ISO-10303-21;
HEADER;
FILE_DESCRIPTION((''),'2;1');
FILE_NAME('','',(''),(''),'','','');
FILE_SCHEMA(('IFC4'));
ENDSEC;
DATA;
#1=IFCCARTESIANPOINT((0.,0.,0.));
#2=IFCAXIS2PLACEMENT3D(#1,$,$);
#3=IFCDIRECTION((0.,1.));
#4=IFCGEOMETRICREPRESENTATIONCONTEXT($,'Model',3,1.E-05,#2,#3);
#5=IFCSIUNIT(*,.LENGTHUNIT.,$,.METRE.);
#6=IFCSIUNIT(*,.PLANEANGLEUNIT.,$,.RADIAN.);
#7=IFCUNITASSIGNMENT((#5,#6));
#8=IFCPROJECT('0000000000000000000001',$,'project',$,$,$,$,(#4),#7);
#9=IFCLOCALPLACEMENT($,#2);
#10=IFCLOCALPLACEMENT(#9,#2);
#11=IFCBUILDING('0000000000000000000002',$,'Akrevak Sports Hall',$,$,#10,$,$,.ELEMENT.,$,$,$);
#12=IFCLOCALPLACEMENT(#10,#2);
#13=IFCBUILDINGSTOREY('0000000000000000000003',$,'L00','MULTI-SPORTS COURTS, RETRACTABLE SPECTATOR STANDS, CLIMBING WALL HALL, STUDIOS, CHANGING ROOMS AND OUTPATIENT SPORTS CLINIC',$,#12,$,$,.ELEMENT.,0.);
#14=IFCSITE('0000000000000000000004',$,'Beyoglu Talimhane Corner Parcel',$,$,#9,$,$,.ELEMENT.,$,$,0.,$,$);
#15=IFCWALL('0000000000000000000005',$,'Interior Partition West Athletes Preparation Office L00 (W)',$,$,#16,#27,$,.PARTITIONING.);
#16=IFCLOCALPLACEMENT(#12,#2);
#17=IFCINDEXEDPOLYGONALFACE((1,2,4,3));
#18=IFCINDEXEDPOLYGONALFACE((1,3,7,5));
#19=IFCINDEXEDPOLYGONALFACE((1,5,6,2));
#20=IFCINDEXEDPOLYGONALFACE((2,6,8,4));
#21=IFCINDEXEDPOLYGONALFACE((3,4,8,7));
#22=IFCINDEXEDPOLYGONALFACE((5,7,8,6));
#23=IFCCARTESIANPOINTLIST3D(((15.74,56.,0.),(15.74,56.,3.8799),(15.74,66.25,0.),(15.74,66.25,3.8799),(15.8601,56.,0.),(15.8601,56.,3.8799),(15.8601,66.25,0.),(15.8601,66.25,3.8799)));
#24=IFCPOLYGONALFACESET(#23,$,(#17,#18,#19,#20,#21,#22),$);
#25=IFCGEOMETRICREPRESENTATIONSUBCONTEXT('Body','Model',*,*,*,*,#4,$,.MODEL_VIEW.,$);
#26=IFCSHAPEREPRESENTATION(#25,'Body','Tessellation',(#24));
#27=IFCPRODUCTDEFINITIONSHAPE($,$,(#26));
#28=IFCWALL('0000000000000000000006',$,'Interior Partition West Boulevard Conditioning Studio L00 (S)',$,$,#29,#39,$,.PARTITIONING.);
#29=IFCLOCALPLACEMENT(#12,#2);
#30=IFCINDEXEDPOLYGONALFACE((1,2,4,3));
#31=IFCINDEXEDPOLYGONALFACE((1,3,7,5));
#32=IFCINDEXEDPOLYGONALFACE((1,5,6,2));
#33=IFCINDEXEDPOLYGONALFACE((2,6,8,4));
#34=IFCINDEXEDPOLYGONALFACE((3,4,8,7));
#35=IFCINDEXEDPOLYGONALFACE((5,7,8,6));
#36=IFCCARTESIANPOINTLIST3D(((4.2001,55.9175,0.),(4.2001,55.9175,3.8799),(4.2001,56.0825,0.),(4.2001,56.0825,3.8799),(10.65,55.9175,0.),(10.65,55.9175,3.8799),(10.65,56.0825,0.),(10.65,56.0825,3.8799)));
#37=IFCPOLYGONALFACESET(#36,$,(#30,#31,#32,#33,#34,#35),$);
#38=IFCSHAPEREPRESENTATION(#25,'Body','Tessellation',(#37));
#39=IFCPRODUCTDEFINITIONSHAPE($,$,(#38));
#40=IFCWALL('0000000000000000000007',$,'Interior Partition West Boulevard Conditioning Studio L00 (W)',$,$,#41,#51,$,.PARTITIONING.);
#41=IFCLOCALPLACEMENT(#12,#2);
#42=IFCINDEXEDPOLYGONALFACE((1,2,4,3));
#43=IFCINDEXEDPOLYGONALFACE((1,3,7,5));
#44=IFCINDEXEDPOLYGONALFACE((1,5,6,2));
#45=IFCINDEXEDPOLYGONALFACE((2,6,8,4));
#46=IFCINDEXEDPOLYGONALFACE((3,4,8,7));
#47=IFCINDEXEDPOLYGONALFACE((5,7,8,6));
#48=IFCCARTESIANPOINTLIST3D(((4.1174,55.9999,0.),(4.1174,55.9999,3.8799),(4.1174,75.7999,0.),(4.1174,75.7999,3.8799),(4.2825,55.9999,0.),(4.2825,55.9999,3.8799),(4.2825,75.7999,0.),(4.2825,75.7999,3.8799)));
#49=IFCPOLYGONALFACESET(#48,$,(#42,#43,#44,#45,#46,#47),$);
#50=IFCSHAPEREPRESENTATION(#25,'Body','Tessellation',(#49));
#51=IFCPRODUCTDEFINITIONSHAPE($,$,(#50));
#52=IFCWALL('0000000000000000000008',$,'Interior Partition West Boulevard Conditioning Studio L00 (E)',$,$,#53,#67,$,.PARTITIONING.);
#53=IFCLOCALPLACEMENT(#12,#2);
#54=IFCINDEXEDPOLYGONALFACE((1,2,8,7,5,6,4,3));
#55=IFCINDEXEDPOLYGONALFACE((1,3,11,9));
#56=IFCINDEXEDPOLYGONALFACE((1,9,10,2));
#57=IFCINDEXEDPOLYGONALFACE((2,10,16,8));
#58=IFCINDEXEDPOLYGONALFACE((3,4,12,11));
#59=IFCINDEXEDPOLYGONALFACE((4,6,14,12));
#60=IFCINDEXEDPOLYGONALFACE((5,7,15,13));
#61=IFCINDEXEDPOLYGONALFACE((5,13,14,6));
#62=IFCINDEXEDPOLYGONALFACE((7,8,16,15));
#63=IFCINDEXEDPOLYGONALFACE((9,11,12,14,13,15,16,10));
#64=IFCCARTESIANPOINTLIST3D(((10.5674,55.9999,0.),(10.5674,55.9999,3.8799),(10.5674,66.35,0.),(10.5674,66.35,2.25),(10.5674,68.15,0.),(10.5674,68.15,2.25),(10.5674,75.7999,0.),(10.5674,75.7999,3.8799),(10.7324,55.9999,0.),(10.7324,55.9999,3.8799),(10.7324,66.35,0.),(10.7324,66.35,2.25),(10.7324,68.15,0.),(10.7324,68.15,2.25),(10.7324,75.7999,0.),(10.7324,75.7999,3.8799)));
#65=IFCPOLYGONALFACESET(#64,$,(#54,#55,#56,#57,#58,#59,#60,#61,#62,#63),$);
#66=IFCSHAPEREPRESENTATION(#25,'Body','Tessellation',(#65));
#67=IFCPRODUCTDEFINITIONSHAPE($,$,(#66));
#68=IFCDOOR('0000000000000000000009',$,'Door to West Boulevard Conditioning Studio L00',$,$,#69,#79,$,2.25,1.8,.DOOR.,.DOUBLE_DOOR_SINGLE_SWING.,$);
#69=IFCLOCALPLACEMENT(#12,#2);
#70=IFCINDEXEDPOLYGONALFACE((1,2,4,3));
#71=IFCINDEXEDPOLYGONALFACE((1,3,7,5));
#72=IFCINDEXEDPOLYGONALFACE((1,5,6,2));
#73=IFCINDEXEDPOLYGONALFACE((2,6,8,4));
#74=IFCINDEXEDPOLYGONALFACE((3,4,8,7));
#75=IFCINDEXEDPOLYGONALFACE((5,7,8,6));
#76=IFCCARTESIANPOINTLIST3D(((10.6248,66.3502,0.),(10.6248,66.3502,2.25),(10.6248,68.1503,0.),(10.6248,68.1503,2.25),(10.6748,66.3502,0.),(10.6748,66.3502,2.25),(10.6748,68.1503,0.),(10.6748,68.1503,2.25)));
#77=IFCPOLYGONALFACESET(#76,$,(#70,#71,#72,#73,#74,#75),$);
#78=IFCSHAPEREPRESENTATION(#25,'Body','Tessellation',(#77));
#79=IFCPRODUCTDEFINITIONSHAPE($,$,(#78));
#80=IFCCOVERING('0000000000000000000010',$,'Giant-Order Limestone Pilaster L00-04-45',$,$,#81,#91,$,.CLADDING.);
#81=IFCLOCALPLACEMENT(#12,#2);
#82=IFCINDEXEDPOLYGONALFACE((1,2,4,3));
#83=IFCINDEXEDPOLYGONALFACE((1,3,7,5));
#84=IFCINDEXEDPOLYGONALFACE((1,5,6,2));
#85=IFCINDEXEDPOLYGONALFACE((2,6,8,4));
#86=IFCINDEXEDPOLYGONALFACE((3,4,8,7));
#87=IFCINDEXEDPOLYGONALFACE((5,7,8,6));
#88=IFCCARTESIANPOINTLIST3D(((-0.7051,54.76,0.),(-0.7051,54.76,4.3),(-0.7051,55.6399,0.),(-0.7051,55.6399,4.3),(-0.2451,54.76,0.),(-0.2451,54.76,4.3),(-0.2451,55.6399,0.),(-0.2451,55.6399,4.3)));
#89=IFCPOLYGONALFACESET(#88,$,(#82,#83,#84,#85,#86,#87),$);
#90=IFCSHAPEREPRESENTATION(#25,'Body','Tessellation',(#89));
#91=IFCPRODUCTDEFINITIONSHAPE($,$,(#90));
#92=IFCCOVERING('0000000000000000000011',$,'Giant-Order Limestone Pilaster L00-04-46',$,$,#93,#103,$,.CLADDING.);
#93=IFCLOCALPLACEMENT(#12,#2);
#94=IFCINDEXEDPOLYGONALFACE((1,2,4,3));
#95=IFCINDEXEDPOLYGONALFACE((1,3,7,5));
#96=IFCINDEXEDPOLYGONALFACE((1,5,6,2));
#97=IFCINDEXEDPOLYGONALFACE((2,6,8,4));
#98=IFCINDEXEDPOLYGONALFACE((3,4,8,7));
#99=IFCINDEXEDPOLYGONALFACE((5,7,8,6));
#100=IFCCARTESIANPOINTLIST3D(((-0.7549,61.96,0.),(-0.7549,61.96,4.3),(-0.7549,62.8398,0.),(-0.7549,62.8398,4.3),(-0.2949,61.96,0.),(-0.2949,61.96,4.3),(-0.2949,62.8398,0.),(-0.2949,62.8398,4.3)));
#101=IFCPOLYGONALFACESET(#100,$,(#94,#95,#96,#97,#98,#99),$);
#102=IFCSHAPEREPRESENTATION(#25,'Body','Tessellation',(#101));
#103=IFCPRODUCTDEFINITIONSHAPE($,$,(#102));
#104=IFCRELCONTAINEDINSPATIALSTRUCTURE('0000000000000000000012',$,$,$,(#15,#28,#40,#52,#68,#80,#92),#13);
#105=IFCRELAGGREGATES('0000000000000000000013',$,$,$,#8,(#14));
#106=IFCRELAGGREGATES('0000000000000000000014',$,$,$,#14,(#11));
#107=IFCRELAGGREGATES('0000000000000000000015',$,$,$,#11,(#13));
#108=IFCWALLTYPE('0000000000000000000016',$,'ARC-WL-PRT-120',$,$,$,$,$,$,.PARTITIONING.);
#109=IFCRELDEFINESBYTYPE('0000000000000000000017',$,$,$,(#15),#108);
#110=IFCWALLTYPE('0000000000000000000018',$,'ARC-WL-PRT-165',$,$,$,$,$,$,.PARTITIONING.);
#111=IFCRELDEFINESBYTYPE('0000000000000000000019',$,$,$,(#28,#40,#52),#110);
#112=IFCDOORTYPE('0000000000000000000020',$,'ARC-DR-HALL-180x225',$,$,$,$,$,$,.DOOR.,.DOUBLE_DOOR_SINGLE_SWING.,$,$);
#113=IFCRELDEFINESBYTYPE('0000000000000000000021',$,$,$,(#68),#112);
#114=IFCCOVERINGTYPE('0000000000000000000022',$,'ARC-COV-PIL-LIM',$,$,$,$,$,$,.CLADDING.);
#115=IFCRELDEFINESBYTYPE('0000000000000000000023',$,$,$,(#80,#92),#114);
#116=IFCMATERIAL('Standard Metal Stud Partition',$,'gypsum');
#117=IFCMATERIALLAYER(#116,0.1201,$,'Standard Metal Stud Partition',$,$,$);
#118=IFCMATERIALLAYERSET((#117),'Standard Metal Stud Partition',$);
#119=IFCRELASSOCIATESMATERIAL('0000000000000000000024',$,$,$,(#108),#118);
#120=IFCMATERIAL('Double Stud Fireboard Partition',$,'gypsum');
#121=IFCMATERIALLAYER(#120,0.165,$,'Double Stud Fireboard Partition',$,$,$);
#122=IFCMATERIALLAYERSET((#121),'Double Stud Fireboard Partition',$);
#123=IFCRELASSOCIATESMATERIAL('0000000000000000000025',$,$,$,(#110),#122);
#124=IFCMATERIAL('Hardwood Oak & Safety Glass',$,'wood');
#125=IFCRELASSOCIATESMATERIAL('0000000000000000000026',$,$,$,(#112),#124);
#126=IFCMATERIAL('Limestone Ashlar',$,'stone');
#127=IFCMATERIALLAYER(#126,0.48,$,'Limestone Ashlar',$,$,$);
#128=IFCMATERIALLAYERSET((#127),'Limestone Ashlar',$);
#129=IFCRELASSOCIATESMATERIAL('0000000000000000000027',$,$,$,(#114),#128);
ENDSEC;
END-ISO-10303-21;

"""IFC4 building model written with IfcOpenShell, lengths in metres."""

from ifc_helpers import new_model, si_unit, direction, frame, frame_2d, origin, origin_2d, place, context, subcontext, project, spatial, rectangle, extrude, material, layer, layer_set, type_object, element, fill, save


model = new_model("IFC4")

# Units and contexts
model_context = context("Model", 3, precision=1e-05, world=origin(), true_north=direction((0.0, 1.0)))
body_context = subcontext(model_context, "Body", "Model", "MODEL_VIEW")
ifc_project = project(units=[si_unit("LENGTHUNIT", "METRE"), si_unit("PLANEANGLEUNIT", "RADIAN")], contexts=[model_context])

# Site, building, storey
site_placement = place(None, origin())
site = spatial("IfcSite", under=ifc_project, at=site_placement, Name="Beyoglu Talimhane Corner Parcel", CompositionType="ELEMENT", RefElevation=0.0)
building_placement = place(site_placement, origin())
building = spatial("IfcBuilding", under=site, at=building_placement, Name="Akrevak Sports Hall", CompositionType="ELEMENT")
storey_placement = place(building_placement, origin())
storey = spatial("IfcBuildingStorey", under=building, at=storey_placement, Name="L00", Description="MULTI-SPORTS COURTS, RETRACTABLE SPECTATOR STANDS, CLIMBING WALL HALL, STUDIOS, CHANGING ROOMS AND OUTPATIENT SPORTS CLINIC", CompositionType="ELEMENT", Elevation=0.0)

# Shared definitions
ifc_material_1 = material(Name="Limestone Ashlar", Category="stone")

# Walls
ifc_material_2 = material(Name="Standard Metal Stud Partition", Category="gypsum")
ifc_layer_1 = layer(ifc_material_2, 0.1201, Name="Standard Metal Stud Partition")
ifc_layer_set_1 = layer_set([ifc_layer_1], Name="Standard Metal Stud Partition")
wall_type_1 = type_object("IfcWallType", Name="ARC-WL-PRT-120", PredefinedType="PARTITIONING", material=ifc_layer_set_1)
wall_1_placement = place(storey_placement, frame((15.8, 56.0, 0.0), z_axis=(0.0, 0.0, 1.0), x_axis=(0.0, 1.0, 0.0)))
element("IfcWall", 1, at=wall_1_placement, inside=storey, type_object=wall_type_1, Name="Interior Partition West Athletes Preparation Office L00 (W)", PredefinedType="PARTITIONING", context=body_context, shape_type="SweptSolid", body=[
    extrude(rectangle(XDim=10.25, YDim=0.1201, at=frame_2d((5.125, 0.0))), origin(), (0.0, 0.0, 1.0), 3.8799),
])
ifc_material_3 = material(Name="Double Stud Fireboard Partition", Category="gypsum")
ifc_layer_2 = layer(ifc_material_3, 0.165, Name="Double Stud Fireboard Partition")
ifc_layer_set_2 = layer_set([ifc_layer_2], Name="Double Stud Fireboard Partition")
wall_type_2 = type_object("IfcWallType", Name="ARC-WL-PRT-165", PredefinedType="PARTITIONING", material=ifc_layer_set_2)
wall_2_placement = place(storey_placement, frame((4.2, 56.0, 0.0), z_axis=(0.0, 0.0, 1.0), x_axis=(1.0, 0.0, 0.0)))
element("IfcWall", 2, at=wall_2_placement, inside=storey, type_object=wall_type_2, Name="Interior Partition West Boulevard Conditioning Studio L00 (S)", PredefinedType="PARTITIONING", context=body_context, shape_type="SweptSolid", body=[
    extrude(rectangle(XDim=6.45, YDim=0.165, at=frame_2d((3.2251, 0.0))), origin(), (0.0, 0.0, 1.0), 3.8799),
])
wall_3_placement = place(storey_placement, frame((4.2, 56.0, 0.0), z_axis=(0.0, 0.0, 1.0), x_axis=(0.0, 1.0, 0.0)))
element("IfcWall", 3, at=wall_3_placement, inside=storey, type_object=wall_type_2, Name="Interior Partition West Boulevard Conditioning Studio L00 (W)", PredefinedType="PARTITIONING", context=body_context, shape_type="SweptSolid", body=[
    extrude(rectangle(XDim=19.8, YDim=0.165, at=frame_2d((9.8999, 0.0))), origin(), (0.0, 0.0, 1.0), 3.8799),
])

##############################

=== What you will do ===
Within the listing, how many lines hold the word "DOOR"? Only the number is to be given.

=== Answer to the problem ===
2